» PROBLEM DETAILS: Go through the data underneath and report how many lines hold the string "steel", giving only the number.

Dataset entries
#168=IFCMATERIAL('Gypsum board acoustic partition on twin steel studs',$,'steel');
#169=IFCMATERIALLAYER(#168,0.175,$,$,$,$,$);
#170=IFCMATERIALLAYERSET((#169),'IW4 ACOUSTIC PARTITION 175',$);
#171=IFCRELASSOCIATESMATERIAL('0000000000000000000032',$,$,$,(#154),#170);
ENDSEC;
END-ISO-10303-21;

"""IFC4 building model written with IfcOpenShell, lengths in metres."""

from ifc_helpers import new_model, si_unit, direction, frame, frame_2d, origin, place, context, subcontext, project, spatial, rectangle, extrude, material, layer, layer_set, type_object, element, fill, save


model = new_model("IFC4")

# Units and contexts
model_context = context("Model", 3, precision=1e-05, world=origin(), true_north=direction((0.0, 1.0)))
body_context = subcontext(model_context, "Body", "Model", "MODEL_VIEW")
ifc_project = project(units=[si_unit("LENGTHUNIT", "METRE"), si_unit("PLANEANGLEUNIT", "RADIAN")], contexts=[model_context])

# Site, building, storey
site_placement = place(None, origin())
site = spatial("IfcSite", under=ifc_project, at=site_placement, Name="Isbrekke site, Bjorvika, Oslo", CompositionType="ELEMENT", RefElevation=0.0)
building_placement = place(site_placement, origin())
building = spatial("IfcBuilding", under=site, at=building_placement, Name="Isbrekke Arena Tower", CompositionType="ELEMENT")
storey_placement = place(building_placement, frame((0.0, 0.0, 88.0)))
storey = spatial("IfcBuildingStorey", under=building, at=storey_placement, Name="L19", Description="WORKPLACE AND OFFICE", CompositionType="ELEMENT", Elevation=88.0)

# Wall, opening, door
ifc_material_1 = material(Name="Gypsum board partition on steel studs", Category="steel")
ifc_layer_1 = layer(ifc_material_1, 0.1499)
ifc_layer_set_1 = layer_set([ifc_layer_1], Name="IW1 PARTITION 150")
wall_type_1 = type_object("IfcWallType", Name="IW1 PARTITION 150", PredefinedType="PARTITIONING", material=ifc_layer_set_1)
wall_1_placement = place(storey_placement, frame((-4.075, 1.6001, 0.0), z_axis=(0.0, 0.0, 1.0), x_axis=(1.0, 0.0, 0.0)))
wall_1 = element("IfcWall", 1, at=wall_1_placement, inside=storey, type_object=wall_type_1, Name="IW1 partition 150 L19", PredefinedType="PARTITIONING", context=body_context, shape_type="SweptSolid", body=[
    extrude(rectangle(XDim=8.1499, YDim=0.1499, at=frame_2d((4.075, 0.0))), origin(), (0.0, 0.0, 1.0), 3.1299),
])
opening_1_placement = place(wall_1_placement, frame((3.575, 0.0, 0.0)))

» REPLY TO THE TASK: 2